Word for word, set down every line of the entries below from the line with "#106=IFCINDEXEDPOLYGONALFACE((19,20,24,23));" to the line with "#116=IFCINDEXEDPOLYGONALFACE((39,40,42,41));", including both, and no other line.

(Extracted entries begins)

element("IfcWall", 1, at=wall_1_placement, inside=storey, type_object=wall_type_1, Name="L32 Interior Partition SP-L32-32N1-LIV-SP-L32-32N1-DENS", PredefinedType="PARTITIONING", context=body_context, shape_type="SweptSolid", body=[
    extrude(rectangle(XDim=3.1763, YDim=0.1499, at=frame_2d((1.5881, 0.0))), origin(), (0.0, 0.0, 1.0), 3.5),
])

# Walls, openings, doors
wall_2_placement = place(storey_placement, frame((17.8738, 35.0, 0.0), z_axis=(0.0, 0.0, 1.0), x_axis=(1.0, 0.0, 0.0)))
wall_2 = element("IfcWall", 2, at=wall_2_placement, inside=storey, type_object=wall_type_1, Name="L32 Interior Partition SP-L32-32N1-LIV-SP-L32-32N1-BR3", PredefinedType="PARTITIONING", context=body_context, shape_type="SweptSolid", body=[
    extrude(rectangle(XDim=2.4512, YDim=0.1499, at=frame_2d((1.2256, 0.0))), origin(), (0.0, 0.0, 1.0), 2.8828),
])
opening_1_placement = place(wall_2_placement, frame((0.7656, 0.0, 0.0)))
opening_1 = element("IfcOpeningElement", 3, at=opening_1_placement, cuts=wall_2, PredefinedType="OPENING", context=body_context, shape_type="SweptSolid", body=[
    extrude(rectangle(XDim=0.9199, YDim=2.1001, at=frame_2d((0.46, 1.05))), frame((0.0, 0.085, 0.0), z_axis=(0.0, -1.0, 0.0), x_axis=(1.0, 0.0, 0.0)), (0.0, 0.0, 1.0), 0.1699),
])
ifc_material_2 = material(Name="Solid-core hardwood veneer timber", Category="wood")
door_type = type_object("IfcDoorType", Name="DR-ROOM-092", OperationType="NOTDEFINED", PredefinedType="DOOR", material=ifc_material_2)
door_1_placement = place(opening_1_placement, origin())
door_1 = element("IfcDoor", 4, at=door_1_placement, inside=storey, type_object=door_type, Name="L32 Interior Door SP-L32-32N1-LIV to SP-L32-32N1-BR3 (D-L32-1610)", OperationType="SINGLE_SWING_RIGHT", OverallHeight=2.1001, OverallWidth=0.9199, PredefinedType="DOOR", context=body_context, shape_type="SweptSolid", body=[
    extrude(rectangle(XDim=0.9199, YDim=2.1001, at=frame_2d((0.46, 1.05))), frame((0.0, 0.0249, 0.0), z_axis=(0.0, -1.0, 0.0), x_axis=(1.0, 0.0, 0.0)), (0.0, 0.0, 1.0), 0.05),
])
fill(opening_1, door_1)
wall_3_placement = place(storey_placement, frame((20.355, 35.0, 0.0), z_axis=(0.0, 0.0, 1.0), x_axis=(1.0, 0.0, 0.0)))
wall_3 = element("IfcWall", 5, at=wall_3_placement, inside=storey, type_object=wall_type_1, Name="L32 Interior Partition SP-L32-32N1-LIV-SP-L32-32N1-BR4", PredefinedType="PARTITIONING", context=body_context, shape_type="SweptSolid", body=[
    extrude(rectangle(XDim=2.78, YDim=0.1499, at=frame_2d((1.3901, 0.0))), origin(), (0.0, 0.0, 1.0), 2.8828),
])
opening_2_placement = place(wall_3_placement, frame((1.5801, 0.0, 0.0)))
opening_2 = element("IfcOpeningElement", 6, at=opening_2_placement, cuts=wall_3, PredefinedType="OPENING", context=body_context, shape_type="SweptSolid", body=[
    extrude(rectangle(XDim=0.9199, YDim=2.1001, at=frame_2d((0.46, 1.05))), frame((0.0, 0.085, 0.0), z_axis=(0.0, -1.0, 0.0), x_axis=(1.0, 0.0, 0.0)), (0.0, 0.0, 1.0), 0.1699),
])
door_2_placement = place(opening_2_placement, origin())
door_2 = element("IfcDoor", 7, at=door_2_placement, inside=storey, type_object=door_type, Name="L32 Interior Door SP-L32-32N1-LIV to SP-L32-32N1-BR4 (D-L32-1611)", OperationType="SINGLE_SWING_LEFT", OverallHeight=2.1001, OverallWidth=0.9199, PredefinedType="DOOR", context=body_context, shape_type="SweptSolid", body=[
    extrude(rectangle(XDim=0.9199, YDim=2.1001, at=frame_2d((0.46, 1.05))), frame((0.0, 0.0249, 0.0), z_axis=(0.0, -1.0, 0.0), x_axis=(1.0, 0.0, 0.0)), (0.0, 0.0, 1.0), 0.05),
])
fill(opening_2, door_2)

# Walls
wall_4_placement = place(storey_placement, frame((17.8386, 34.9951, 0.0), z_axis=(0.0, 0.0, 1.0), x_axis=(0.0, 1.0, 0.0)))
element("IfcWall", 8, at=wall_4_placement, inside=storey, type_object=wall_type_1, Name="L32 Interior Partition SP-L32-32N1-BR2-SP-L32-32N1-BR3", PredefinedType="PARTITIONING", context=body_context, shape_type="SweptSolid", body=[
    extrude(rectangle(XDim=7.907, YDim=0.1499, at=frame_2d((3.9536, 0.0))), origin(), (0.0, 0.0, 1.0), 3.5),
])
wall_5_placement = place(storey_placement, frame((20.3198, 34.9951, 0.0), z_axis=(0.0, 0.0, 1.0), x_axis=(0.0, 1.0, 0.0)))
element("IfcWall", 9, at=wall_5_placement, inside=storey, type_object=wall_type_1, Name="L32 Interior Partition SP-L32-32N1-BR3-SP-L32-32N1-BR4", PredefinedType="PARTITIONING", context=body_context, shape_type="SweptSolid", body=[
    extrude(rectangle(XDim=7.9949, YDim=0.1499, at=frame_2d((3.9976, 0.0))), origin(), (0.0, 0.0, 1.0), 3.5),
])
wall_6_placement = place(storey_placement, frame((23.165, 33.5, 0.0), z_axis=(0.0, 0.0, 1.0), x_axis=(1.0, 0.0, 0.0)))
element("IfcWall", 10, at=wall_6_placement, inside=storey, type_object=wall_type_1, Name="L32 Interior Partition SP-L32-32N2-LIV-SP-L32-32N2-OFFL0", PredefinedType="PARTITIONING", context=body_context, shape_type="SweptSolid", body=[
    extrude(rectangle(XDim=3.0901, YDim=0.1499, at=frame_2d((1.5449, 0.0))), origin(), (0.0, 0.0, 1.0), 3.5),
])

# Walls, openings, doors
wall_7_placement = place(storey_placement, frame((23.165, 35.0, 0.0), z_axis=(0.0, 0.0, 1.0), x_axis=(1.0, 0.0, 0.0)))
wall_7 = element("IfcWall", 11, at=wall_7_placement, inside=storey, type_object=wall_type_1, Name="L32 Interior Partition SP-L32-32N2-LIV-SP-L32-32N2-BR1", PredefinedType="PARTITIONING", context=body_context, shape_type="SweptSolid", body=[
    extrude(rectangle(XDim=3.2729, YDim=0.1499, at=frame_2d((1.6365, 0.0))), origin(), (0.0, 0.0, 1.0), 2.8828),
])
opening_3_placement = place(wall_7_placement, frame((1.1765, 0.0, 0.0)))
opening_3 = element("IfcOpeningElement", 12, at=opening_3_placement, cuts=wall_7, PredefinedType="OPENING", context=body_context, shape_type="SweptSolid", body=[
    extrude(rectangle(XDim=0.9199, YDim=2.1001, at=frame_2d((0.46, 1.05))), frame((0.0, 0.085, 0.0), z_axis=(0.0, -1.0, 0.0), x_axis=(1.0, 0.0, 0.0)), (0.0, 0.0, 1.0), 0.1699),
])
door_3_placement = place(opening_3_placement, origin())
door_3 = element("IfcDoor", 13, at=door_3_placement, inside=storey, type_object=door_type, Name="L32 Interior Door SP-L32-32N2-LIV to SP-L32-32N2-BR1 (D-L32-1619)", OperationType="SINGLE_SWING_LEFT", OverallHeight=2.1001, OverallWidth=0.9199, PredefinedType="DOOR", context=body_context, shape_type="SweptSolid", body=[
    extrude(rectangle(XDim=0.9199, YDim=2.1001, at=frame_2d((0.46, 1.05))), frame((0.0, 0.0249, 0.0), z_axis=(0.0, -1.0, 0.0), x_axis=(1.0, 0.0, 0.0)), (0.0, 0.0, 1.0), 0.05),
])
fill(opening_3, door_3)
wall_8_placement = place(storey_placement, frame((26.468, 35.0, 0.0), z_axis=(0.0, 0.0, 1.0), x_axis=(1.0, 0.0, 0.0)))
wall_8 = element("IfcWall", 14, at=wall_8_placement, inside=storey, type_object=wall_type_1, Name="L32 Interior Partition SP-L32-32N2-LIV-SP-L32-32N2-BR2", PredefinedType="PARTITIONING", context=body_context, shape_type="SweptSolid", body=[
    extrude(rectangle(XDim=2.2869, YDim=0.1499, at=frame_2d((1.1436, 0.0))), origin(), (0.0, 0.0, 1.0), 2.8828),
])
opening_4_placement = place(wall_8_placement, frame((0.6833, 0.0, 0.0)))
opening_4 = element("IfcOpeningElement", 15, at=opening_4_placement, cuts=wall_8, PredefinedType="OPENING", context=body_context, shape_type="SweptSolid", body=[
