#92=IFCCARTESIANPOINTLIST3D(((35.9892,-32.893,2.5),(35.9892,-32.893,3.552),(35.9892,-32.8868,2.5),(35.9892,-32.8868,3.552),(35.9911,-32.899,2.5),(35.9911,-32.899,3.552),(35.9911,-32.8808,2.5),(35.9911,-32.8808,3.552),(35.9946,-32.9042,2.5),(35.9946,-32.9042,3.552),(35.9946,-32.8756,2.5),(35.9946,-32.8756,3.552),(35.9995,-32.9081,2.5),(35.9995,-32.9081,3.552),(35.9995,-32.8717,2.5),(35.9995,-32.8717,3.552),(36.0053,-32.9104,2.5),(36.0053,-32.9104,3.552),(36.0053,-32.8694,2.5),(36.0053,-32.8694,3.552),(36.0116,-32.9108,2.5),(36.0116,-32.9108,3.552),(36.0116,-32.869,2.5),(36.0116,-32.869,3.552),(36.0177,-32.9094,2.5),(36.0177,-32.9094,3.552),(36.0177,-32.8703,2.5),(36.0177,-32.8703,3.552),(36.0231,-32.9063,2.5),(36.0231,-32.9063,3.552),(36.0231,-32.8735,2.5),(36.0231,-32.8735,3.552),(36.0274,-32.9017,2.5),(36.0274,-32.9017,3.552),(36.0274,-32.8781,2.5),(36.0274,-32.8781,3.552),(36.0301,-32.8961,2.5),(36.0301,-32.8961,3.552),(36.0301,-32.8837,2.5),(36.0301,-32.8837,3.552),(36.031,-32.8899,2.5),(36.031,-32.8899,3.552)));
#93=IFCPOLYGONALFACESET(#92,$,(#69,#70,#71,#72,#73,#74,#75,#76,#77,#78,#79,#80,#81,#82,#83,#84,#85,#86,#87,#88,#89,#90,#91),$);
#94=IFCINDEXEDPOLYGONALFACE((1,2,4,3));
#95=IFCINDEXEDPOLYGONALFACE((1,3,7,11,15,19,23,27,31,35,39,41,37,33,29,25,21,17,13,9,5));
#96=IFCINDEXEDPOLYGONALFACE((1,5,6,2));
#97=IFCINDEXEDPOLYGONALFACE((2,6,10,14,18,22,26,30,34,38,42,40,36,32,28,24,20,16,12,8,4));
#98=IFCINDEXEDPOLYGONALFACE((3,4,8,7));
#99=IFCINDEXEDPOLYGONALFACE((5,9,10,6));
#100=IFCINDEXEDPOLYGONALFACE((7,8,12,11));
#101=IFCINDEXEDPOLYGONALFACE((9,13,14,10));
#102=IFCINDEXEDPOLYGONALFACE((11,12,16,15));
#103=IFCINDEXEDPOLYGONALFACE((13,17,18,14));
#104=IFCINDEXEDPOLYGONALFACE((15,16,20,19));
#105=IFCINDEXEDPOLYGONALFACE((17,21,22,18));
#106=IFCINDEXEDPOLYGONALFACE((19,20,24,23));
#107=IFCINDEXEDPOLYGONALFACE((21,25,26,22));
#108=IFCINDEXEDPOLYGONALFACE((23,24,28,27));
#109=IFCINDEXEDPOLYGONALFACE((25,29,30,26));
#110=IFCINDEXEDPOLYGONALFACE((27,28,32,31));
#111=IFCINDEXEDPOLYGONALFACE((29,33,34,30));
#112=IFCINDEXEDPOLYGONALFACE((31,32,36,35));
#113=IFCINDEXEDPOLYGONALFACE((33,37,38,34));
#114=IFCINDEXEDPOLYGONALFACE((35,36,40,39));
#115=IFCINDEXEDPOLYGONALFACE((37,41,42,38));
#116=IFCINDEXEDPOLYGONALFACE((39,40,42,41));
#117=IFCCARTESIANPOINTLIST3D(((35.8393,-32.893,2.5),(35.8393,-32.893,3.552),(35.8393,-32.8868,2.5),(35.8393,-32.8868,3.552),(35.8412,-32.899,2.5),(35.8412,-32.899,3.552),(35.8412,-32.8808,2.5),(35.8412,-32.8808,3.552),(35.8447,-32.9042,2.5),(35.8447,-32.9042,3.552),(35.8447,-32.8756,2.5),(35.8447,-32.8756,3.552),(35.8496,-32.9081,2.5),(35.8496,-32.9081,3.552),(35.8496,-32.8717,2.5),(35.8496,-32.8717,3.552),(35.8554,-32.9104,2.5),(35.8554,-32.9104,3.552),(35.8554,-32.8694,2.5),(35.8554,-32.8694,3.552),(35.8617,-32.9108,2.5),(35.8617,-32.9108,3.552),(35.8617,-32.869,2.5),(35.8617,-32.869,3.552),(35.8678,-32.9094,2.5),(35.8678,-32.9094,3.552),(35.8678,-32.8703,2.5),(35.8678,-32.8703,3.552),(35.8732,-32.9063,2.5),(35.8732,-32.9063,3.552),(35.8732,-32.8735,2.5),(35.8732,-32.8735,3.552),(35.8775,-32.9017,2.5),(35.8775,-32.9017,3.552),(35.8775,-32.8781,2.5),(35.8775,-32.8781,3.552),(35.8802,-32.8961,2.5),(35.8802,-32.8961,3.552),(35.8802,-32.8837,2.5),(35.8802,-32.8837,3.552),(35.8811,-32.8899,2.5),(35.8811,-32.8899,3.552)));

(Extracted entries ends)

The completed task:
#106=IFCINDEXEDPOLYGONALFACE((19,20,24,23));
#107=IFCINDEXEDPOLYGONALFACE((21,25,26,22));
#108=IFCINDEXEDPOLYGONALFACE((23,24,28,27));
#109=IFCINDEXEDPOLYGONALFACE((25,29,30,26));
#110=IFCINDEXEDPOLYGONALFACE((27,28,32,31));
#111=IFCINDEXEDPOLYGONALFACE((29,33,34,30));
#112=IFCINDEXEDPOLYGONALFACE((31,32,36,35));
#113=IFCINDEXEDPOLYGONALFACE((33,37,38,34));
#114=IFCINDEXEDPOLYGONALFACE((35,36,40,39));
#115=IFCINDEXEDPOLYGONALFACE((37,41,42,38));
#116=IFCINDEXEDPOLYGONALFACE((39,40,42,41));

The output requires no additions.